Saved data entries
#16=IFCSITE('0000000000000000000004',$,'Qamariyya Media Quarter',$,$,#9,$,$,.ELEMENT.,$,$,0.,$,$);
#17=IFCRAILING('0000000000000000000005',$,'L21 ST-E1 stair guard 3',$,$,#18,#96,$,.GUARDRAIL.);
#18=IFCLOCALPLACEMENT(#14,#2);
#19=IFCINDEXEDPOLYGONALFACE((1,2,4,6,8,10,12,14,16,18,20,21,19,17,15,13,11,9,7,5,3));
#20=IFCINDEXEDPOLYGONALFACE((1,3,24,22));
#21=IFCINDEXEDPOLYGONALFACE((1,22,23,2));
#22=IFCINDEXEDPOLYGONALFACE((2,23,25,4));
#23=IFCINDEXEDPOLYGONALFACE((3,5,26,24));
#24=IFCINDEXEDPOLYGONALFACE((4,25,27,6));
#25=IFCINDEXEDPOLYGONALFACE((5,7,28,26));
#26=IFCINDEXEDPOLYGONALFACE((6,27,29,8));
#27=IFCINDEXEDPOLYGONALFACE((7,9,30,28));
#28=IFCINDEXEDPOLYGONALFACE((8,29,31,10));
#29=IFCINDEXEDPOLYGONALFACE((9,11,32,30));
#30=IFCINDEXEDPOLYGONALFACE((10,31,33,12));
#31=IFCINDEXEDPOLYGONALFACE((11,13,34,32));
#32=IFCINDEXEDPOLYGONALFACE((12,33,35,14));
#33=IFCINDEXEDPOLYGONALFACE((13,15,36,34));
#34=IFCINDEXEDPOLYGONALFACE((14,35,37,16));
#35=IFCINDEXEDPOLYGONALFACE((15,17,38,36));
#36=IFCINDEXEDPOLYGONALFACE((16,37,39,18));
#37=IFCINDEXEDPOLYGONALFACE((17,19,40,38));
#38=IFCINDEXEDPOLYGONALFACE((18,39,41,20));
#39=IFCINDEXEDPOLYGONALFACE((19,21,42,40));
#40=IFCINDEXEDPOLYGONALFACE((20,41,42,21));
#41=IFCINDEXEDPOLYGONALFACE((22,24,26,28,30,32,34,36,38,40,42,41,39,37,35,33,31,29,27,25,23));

...

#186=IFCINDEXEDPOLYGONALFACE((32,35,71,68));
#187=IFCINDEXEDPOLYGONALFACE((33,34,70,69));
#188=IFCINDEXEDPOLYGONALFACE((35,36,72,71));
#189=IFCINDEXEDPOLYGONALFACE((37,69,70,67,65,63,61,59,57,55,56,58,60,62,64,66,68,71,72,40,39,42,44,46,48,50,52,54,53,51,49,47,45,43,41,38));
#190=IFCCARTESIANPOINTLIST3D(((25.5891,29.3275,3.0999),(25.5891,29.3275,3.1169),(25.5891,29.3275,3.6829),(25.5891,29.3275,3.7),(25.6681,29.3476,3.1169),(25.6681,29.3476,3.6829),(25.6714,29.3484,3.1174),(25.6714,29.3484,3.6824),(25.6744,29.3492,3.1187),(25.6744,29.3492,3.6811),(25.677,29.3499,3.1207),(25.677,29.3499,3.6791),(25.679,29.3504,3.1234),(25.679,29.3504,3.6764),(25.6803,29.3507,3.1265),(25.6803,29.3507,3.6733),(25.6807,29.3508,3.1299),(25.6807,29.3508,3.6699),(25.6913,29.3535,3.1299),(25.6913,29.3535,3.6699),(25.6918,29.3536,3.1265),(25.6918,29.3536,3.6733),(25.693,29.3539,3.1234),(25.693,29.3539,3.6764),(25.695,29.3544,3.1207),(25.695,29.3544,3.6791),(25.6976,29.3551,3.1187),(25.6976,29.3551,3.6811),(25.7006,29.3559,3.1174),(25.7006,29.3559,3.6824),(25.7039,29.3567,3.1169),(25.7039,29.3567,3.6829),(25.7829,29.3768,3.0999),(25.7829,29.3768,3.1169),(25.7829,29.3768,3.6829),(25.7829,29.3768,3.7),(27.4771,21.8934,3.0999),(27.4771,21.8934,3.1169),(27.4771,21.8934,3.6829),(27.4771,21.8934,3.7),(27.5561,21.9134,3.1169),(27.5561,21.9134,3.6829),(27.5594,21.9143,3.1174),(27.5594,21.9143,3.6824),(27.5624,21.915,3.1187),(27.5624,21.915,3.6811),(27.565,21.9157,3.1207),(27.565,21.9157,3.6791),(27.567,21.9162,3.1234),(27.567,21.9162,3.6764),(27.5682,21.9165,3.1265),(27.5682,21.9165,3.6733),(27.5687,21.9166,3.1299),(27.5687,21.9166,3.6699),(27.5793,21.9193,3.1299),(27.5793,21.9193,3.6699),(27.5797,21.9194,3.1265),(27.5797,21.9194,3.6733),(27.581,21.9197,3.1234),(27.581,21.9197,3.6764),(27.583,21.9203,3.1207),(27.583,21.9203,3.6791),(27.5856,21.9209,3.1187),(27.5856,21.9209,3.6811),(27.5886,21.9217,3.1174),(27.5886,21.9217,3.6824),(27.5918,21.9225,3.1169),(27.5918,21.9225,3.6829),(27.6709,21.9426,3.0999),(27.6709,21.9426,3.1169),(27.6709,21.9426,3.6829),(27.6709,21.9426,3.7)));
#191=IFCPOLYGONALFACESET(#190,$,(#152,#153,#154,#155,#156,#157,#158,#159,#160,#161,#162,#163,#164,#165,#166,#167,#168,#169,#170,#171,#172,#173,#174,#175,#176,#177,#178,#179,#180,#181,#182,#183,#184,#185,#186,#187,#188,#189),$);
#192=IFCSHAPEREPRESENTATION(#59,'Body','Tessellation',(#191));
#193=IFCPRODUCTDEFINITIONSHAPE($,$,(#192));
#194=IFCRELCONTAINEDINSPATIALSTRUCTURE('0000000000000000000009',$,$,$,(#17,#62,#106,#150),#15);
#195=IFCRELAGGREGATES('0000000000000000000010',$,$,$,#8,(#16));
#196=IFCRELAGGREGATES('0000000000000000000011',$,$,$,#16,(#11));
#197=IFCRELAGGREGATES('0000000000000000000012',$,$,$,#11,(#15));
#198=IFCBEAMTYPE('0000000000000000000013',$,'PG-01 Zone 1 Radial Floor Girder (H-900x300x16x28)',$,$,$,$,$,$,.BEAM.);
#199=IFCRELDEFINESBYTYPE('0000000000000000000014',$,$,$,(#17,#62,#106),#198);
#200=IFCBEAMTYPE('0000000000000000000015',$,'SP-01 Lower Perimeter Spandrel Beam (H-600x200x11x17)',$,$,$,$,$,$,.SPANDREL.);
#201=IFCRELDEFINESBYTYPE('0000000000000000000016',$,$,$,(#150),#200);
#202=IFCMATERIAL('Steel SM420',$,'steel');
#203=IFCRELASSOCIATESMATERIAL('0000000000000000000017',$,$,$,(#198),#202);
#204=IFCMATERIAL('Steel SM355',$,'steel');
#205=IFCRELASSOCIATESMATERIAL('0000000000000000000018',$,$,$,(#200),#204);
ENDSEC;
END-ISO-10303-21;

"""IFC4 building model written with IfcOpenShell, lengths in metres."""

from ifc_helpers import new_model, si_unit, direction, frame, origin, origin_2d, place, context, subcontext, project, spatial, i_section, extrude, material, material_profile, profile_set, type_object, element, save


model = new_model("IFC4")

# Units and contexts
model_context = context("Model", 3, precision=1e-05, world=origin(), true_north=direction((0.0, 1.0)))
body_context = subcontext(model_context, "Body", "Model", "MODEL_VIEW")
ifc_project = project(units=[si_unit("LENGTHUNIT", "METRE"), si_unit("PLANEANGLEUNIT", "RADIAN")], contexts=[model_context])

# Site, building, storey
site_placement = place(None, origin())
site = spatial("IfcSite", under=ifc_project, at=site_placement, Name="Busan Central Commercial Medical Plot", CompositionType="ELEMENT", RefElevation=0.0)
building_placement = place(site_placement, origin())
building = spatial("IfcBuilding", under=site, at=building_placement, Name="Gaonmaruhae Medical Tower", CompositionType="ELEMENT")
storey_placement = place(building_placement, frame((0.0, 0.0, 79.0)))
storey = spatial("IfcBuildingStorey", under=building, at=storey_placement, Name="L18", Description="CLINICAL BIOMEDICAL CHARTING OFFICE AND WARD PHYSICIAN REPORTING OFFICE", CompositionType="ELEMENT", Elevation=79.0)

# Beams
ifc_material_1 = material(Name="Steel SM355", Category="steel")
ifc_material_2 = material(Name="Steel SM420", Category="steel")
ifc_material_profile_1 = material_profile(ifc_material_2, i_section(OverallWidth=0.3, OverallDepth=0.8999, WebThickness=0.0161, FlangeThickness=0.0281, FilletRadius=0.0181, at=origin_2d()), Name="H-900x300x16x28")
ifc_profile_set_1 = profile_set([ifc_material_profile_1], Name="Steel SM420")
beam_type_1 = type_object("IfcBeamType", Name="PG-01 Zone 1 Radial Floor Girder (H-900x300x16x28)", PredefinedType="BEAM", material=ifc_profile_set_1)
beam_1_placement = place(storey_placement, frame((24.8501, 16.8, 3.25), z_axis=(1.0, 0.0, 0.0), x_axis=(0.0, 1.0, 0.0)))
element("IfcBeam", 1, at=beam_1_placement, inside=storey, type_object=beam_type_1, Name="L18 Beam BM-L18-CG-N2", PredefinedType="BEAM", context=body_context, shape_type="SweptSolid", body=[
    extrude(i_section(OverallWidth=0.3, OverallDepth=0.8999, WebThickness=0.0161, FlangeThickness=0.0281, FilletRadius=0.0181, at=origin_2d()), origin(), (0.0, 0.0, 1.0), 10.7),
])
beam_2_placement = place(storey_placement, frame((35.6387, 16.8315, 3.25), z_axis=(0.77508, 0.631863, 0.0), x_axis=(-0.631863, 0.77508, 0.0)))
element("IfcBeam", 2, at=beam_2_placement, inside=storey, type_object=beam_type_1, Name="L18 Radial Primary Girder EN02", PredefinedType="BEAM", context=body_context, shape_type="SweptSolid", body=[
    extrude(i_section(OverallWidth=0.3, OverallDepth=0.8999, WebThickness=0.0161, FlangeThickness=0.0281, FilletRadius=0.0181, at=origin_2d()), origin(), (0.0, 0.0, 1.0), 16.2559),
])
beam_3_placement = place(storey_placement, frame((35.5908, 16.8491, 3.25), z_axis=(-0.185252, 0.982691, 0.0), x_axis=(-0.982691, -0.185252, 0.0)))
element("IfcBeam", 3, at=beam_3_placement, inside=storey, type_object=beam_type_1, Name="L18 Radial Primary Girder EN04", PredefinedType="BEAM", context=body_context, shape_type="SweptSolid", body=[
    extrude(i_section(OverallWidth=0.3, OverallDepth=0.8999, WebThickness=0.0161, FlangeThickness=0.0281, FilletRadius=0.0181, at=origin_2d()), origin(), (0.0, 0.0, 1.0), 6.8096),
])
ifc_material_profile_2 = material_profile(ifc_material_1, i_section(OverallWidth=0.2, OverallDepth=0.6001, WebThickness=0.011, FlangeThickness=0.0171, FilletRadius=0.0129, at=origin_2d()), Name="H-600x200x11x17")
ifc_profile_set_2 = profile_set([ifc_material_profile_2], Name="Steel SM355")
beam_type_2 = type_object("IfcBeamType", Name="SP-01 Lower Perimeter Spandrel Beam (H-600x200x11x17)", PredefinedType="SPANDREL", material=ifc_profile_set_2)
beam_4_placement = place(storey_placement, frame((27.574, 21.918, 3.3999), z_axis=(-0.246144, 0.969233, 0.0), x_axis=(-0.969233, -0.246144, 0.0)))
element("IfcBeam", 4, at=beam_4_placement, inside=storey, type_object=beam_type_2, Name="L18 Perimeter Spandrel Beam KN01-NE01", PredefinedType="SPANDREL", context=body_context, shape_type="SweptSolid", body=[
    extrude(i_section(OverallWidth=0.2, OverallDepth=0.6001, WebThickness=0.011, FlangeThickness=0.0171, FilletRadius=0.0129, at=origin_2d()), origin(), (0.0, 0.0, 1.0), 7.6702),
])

Exercise instructions
All lines in the data that contain the word "WebThickness" should be copied.

Exercise output
ifc_material_profile_1 = material_profile(ifc_material_2, i_section(OverallWidth=0.3, OverallDepth=0.8999, WebThickness=0.0161, FlangeThickness=0.0281, FilletRadius=0.0181, at=origin_2d()), Name="H-900x300x16x28")
    extrude(i_section(OverallWidth=0.3, OverallDepth=0.8999, WebThickness=0.0161, FlangeThickness=0.0281, FilletRadius=0.0181, at=origin_2d()), origin(), (0.0, 0.0, 1.0), 10.7),
    extrude(i_section(OverallWidth=0.3, OverallDepth=0.8999, WebThickness=0.0161, FlangeThickness=0.0281, FilletRadius=0.0181, at=origin_2d()), origin(), (0.0, 0.0, 1.0), 16.2559),
    extrude(i_section(OverallWidth=0.3, OverallDepth=0.8999, WebThickness=0.0161, FlangeThickness=0.0281, FilletRadius=0.0181, at=origin_2d()), origin(), (0.0, 0.0, 1.0), 6.8096),
ifc_material_profile_2 = material_profile(ifc_material_1, i_section(OverallWidth=0.2, OverallDepth=0.6001, WebThickness=0.011, FlangeThickness=0.0171, FilletRadius=0.0129, at=origin_2d()), Name="H-600x200x11x17")
    extrude(i_section(OverallWidth=0.2, OverallDepth=0.6001, WebThickness=0.011, FlangeThickness=0.0171, FilletRadius=0.0129, at=origin_2d()), origin(), (0.0, 0.0, 1.0), 7.6702),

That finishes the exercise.